Nothing in the entries below may be altered; print them as they stand.

(Study material)

################

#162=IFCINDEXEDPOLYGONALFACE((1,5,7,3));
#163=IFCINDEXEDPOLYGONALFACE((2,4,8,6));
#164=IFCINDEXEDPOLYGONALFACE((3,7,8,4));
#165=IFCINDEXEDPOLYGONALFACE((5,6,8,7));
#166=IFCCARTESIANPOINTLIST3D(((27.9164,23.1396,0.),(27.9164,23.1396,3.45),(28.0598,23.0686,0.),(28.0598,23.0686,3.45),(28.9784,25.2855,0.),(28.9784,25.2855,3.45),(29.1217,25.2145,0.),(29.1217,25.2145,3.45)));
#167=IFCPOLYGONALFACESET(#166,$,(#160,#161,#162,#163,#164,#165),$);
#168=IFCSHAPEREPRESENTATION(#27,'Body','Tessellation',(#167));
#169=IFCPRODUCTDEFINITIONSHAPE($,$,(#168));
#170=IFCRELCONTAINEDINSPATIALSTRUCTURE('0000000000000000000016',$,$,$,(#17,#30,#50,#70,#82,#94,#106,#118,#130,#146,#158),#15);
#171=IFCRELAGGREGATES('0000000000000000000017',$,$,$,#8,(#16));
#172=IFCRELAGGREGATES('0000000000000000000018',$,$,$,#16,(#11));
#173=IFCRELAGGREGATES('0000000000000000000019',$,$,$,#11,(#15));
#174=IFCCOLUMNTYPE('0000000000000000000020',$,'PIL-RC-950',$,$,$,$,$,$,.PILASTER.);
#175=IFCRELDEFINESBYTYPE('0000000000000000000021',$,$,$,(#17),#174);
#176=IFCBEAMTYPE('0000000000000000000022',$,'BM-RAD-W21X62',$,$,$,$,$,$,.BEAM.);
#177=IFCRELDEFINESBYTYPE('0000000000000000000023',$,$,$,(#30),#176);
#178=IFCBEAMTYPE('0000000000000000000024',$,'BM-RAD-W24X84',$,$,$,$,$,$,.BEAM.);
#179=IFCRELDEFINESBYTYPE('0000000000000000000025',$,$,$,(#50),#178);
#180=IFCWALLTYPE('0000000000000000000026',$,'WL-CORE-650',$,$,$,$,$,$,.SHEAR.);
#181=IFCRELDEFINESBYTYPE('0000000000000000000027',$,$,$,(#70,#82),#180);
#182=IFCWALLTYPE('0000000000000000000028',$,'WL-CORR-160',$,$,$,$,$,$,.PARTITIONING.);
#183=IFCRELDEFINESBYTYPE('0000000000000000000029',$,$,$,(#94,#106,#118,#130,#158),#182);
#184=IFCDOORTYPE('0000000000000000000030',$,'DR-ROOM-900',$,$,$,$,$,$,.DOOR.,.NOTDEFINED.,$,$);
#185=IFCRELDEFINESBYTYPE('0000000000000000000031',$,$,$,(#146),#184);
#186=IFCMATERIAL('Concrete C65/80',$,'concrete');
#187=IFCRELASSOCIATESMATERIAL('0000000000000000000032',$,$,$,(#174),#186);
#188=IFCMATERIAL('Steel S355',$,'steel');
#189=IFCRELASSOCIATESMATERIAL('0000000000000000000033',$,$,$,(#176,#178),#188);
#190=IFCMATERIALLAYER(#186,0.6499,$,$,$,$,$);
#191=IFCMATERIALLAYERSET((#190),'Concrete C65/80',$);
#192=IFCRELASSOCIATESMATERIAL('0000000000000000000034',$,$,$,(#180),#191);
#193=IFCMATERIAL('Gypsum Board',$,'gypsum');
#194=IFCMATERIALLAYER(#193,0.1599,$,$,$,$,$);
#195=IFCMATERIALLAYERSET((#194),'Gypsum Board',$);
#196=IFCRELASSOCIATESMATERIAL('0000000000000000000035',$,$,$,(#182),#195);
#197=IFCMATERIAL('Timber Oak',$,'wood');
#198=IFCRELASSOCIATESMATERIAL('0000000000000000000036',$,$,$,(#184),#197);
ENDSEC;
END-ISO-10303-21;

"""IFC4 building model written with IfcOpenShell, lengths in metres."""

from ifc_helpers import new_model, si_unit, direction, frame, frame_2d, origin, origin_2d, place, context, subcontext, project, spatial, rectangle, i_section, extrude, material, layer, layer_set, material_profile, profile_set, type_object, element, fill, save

################

(Expected answer)
#162=IFCINDEXEDPOLYGONALFACE((1,5,7,3));
#163=IFCINDEXEDPOLYGONALFACE((2,4,8,6));
#164=IFCINDEXEDPOLYGONALFACE((3,7,8,4));
#165=IFCINDEXEDPOLYGONALFACE((5,6,8,7));
#166=IFCCARTESIANPOINTLIST3D(((27.9164,23.1396,0.),(27.9164,23.1396,3.45),(28.0598,23.0686,0.),(28.0598,23.0686,3.45),(28.9784,25.2855,0.),(28.9784,25.2855,3.45),(29.1217,25.2145,0.),(29.1217,25.2145,3.45)));
#167=IFCPOLYGONALFACESET(#166,$,(#160,#161,#162,#163,#164,#165),$);
#168=IFCSHAPEREPRESENTATION(#27,'Body','Tessellation',(#167));
#169=IFCPRODUCTDEFINITIONSHAPE($,$,(#168));
#170=IFCRELCONTAINEDINSPATIALSTRUCTURE('0000000000000000000016',$,$,$,(#17,#30,#50,#70,#82,#94,#106,#118,#130,#146,#158),#15);
#171=IFCRELAGGREGATES('0000000000000000000017',$,$,$,#8,(#16));
#172=IFCRELAGGREGATES('0000000000000000000018',$,$,$,#16,(#11));
#173=IFCRELAGGREGATES('0000000000000000000019',$,$,$,#11,(#15));
#174=IFCCOLUMNTYPE('0000000000000000000020',$,'PIL-RC-950',$,$,$,$,$,$,.PILASTER.);
#175=IFCRELDEFINESBYTYPE('0000000000000000000021',$,$,$,(#17),#174);
#176=IFCBEAMTYPE('0000000000000000000022',$,'BM-RAD-W21X62',$,$,$,$,$,$,.BEAM.);
#177=IFCRELDEFINESBYTYPE('0000000000000000000023',$,$,$,(#30),#176);
#178=IFCBEAMTYPE('0000000000000000000024',$,'BM-RAD-W24X84',$,$,$,$,$,$,.BEAM.);
#179=IFCRELDEFINESBYTYPE('0000000000000000000025',$,$,$,(#50),#178);
#180=IFCWALLTYPE('0000000000000000000026',$,'WL-CORE-650',$,$,$,$,$,$,.SHEAR.);
#181=IFCRELDEFINESBYTYPE('0000000000000000000027',$,$,$,(#70,#82),#180);
#182=IFCWALLTYPE('0000000000000000000028',$,'WL-CORR-160',$,$,$,$,$,$,.PARTITIONING.);
#183=IFCRELDEFINESBYTYPE('0000000000000000000029',$,$,$,(#94,#106,#118,#130,#158),#182);
#184=IFCDOORTYPE('0000000000000000000030',$,'DR-ROOM-900',$,$,$,$,$,$,.DOOR.,.NOTDEFINED.,$,$);
#185=IFCRELDEFINESBYTYPE('0000000000000000000031',$,$,$,(#146),#184);
#186=IFCMATERIAL('Concrete C65/80',$,'concrete');
#187=IFCRELASSOCIATESMATERIAL('0000000000000000000032',$,$,$,(#174),#186);
#188=IFCMATERIAL('Steel S355',$,'steel');
#189=IFCRELASSOCIATESMATERIAL('0000000000000000000033',$,$,$,(#176,#178),#188);
#190=IFCMATERIALLAYER(#186,0.6499,$,$,$,$,$);
#191=IFCMATERIALLAYERSET((#190),'Concrete C65/80',$);
#192=IFCRELASSOCIATESMATERIAL('0000000000000000000034',$,$,$,(#180),#191);
#193=IFCMATERIAL('Gypsum Board',$,'gypsum');
#194=IFCMATERIALLAYER(#193,0.1599,$,$,$,$,$);
#195=IFCMATERIALLAYERSET((#194),'Gypsum Board',$);
#196=IFCRELASSOCIATESMATERIAL('0000000000000000000035',$,$,$,(#182),#195);
#197=IFCMATERIAL('Timber Oak',$,'wood');
#198=IFCRELASSOCIATESMATERIAL('0000000000000000000036',$,$,$,(#184),#197);
ENDSEC;
END-ISO-10303-21;

"""IFC4 building model written with IfcOpenShell, lengths in metres."""

from ifc_helpers import new_model, si_unit, direction, frame, frame_2d, origin, origin_2d, place, context, subcontext, project, spatial, rectangle, i_section, extrude, material, layer, layer_set, material_profile, profile_set, type_object, element, fill, save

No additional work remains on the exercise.